■ **AIM OF THE TASK**
When the line containing "#96=IFCINDEXEDPOLYGONALFACE((3,4,8,7));" appears in the entries below, begin printing there and stop after the line containing "#124=IFCSHAPEREPRESENTATION(#35,'Body','Tessellation',(#123));"; print each of those lines exactly and no other line.

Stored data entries
= = =

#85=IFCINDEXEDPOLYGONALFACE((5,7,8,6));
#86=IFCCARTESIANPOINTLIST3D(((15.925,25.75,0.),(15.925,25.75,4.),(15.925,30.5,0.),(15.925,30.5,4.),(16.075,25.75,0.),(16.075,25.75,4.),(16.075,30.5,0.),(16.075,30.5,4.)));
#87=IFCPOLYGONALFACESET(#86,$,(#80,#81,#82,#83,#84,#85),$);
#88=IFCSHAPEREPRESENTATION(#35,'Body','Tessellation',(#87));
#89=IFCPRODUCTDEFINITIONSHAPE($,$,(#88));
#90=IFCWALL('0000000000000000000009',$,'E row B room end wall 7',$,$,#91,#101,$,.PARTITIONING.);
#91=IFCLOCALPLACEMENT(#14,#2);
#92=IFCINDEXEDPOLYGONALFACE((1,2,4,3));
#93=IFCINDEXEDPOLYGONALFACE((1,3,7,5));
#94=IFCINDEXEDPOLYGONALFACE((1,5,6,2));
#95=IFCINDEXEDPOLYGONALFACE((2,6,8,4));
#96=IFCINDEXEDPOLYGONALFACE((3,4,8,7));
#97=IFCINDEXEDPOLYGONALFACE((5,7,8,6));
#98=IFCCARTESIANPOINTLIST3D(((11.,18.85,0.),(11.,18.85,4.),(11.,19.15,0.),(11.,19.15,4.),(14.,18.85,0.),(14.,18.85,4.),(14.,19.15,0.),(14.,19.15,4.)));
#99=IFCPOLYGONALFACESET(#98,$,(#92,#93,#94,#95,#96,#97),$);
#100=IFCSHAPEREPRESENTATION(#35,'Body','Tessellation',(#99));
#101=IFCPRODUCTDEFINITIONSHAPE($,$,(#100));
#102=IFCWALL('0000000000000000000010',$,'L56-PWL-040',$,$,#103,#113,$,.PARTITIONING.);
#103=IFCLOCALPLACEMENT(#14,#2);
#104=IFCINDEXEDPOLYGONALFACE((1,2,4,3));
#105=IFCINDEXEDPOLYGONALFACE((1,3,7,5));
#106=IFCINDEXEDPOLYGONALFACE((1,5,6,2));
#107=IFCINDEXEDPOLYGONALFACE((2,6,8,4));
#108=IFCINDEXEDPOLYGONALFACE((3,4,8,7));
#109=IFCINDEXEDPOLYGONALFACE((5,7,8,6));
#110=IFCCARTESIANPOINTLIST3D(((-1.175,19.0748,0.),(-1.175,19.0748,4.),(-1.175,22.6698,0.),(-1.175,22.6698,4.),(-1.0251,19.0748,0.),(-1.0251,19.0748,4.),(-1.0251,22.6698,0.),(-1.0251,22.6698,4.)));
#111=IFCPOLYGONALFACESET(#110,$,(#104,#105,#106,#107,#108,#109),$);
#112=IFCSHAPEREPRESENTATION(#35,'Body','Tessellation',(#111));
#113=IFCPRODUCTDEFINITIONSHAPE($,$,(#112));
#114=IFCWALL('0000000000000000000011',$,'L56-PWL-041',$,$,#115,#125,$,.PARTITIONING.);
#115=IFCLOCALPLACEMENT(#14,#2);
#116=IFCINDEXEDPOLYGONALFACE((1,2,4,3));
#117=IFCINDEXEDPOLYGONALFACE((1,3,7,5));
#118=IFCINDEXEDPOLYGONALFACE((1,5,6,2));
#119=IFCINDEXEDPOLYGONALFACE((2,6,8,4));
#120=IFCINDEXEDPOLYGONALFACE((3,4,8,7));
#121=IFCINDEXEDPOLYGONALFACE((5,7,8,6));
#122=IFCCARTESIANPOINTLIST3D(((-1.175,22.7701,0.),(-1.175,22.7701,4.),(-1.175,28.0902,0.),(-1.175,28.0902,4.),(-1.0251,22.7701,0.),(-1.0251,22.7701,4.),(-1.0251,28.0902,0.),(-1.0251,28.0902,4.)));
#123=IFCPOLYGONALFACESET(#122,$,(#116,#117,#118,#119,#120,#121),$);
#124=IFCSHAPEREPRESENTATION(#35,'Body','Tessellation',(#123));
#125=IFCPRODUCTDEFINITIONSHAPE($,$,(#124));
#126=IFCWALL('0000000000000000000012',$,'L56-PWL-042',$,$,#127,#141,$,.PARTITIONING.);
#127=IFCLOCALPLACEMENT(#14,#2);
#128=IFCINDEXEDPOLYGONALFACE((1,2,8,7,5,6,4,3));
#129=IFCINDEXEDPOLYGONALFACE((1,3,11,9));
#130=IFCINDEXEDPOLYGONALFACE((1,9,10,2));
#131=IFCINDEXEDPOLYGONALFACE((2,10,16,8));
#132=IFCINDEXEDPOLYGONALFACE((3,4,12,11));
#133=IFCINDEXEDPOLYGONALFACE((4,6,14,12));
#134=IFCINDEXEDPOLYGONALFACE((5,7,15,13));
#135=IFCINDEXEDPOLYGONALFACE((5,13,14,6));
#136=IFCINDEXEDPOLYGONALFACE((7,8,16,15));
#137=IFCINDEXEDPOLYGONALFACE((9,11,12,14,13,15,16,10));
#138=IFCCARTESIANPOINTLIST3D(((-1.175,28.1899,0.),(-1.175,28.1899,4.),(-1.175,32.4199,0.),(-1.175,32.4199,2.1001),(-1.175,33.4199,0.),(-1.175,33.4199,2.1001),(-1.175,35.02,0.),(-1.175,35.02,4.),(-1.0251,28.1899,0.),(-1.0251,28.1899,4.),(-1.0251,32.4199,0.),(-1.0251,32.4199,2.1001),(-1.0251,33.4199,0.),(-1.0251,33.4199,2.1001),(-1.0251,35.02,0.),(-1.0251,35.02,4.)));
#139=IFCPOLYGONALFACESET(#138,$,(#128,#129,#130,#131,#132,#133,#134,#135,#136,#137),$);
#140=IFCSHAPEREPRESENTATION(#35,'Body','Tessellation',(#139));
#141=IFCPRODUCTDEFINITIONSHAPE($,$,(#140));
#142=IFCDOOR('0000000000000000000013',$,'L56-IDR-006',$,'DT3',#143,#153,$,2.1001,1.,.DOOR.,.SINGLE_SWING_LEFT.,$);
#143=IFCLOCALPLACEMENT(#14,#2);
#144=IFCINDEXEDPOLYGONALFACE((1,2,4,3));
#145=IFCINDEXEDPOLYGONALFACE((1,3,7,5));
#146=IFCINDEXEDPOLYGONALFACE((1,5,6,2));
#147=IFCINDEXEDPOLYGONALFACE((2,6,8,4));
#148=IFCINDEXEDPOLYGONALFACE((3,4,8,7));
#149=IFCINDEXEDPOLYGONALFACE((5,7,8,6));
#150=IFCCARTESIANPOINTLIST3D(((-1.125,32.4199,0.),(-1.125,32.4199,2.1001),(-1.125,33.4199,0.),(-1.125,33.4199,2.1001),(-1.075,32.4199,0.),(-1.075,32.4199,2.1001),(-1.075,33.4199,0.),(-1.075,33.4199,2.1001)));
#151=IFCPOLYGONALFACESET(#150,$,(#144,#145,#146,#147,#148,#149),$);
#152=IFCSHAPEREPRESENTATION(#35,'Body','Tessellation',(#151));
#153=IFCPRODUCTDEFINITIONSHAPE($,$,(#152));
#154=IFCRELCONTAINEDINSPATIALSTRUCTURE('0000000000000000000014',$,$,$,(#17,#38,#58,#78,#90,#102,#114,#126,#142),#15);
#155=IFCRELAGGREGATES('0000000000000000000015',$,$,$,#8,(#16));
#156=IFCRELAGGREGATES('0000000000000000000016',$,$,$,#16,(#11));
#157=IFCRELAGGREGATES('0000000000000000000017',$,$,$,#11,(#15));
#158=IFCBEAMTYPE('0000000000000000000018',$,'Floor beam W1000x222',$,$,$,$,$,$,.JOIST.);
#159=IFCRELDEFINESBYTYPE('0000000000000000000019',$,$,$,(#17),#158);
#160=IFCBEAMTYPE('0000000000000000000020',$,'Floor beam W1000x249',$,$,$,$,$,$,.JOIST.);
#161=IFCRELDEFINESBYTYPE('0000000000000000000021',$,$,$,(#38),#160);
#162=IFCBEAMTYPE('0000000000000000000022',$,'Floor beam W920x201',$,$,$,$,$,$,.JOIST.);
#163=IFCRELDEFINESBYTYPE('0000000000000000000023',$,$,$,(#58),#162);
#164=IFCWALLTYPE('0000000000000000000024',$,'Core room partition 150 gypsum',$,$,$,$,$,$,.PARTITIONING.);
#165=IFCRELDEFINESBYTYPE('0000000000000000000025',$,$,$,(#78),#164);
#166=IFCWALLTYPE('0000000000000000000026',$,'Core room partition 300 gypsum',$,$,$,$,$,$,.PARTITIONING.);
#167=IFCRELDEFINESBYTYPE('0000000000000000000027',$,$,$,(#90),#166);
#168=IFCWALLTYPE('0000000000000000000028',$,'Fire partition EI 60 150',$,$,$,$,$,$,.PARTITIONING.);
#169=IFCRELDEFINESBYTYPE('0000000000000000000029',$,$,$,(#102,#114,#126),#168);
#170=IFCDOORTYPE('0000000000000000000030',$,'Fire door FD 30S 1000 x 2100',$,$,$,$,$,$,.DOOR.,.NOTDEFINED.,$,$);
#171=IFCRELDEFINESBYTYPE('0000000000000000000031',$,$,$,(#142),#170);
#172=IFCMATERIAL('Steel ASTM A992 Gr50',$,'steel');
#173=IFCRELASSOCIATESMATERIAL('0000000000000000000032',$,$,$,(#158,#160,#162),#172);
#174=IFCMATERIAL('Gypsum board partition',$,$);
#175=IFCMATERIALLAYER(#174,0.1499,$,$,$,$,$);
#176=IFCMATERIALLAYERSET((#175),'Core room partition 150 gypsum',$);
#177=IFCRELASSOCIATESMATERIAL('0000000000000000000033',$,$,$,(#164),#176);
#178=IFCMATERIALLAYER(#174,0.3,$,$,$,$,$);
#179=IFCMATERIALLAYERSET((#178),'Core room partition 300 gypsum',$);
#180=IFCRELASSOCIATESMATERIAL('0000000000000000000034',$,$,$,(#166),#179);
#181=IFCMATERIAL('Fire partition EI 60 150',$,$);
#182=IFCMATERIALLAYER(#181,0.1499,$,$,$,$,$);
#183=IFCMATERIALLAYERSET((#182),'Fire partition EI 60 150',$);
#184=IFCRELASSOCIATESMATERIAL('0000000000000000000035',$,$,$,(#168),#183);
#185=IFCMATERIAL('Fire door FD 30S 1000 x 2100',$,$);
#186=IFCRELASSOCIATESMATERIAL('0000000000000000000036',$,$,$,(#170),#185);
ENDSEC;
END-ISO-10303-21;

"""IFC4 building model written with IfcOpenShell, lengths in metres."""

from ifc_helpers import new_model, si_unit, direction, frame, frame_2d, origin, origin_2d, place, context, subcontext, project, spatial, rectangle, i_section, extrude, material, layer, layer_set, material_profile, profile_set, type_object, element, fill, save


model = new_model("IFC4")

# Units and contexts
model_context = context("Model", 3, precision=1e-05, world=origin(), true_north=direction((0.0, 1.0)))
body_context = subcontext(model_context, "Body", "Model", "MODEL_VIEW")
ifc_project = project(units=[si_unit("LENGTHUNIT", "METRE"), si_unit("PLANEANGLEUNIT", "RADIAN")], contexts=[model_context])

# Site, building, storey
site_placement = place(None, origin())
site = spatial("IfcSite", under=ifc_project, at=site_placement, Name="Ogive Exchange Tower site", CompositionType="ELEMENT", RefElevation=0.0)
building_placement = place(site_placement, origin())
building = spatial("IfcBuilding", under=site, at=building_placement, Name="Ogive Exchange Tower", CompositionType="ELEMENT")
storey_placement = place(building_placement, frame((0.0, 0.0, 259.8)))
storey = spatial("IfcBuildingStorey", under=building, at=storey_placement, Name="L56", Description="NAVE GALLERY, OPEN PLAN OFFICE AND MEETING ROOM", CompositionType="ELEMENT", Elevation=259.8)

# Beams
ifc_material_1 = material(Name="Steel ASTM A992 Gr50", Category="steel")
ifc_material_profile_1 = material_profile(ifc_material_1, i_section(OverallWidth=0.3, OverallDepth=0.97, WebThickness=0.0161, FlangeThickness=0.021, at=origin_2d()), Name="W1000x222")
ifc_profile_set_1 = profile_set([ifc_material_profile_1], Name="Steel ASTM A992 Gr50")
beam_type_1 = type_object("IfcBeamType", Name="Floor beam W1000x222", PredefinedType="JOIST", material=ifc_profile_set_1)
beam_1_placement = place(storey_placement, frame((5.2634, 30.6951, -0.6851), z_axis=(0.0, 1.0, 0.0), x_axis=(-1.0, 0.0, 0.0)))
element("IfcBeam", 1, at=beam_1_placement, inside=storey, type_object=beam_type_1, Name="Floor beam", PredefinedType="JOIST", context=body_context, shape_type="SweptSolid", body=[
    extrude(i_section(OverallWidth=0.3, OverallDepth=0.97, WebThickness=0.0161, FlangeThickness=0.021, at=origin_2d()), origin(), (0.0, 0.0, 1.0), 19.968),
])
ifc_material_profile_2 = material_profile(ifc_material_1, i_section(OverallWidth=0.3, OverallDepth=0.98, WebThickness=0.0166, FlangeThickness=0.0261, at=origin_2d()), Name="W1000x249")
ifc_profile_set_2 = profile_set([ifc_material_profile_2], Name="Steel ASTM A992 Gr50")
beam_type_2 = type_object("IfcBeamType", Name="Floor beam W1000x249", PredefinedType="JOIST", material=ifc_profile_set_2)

= = =

■ **SOLUTION TO THIS PROBLEM**
#96=IFCINDEXEDPOLYGONALFACE((3,4,8,7));
#97=IFCINDEXEDPOLYGONALFACE((5,7,8,6));
#98=IFCCARTESIANPOINTLIST3D(((11.,18.85,0.),(11.,18.85,4.),(11.,19.15,0.),(11.,19.15,4.),(14.,18.85,0.),(14.,18.85,4.),(14.,19.15,0.),(14.,19.15,4.)));
#99=IFCPOLYGONALFACESET(#98,$,(#92,#93,#94,#95,#96,#97),$);
#100=IFCSHAPEREPRESENTATION(#35,'Body','Tessellation',(#99));
#101=IFCPRODUCTDEFINITIONSHAPE($,$,(#100));
#102=IFCWALL('0000000000000000000010',$,'L56-PWL-040',$,$,#103,#113,$,.PARTITIONING.);
#103=IFCLOCALPLACEMENT(#14,#2);
#104=IFCINDEXEDPOLYGONALFACE((1,2,4,3));
#105=IFCINDEXEDPOLYGONALFACE((1,3,7,5));
#106=IFCINDEXEDPOLYGONALFACE((1,5,6,2));
#107=IFCINDEXEDPOLYGONALFACE((2,6,8,4));
#108=IFCINDEXEDPOLYGONALFACE((3,4,8,7));
#109=IFCINDEXEDPOLYGONALFACE((5,7,8,6));
#110=IFCCARTESIANPOINTLIST3D(((-1.175,19.0748,0.),(-1.175,19.0748,4.),(-1.175,22.6698,0.),(-1.175,22.6698,4.),(-1.0251,19.0748,0.),(-1.0251,19.0748,4.),(-1.0251,22.6698,0.),(-1.0251,22.6698,4.)));
#111=IFCPOLYGONALFACESET(#110,$,(#104,#105,#106,#107,#108,#109),$);
#112=IFCSHAPEREPRESENTATION(#35,'Body','Tessellation',(#111));
#113=IFCPRODUCTDEFINITIONSHAPE($,$,(#112));
#114=IFCWALL('0000000000000000000011',$,'L56-PWL-041',$,$,#115,#125,$,.PARTITIONING.);
#115=IFCLOCALPLACEMENT(#14,#2);
#116=IFCINDEXEDPOLYGONALFACE((1,2,4,3));
#117=IFCINDEXEDPOLYGONALFACE((1,3,7,5));
#118=IFCINDEXEDPOLYGONALFACE((1,5,6,2));
#119=IFCINDEXEDPOLYGONALFACE((2,6,8,4));
#120=IFCINDEXEDPOLYGONALFACE((3,4,8,7));
#121=IFCINDEXEDPOLYGONALFACE((5,7,8,6));
#122=IFCCARTESIANPOINTLIST3D(((-1.175,22.7701,0.),(-1.175,22.7701,4.),(-1.175,28.0902,0.),(-1.175,28.0902,4.),(-1.0251,22.7701,0.),(-1.0251,22.7701,4.),(-1.0251,28.0902,0.),(-1.0251,28.0902,4.)));
#123=IFCPOLYGONALFACESET(#122,$,(#116,#117,#118,#119,#120,#121),$);
#124=IFCSHAPEREPRESENTATION(#35,'Body','Tessellation',(#123));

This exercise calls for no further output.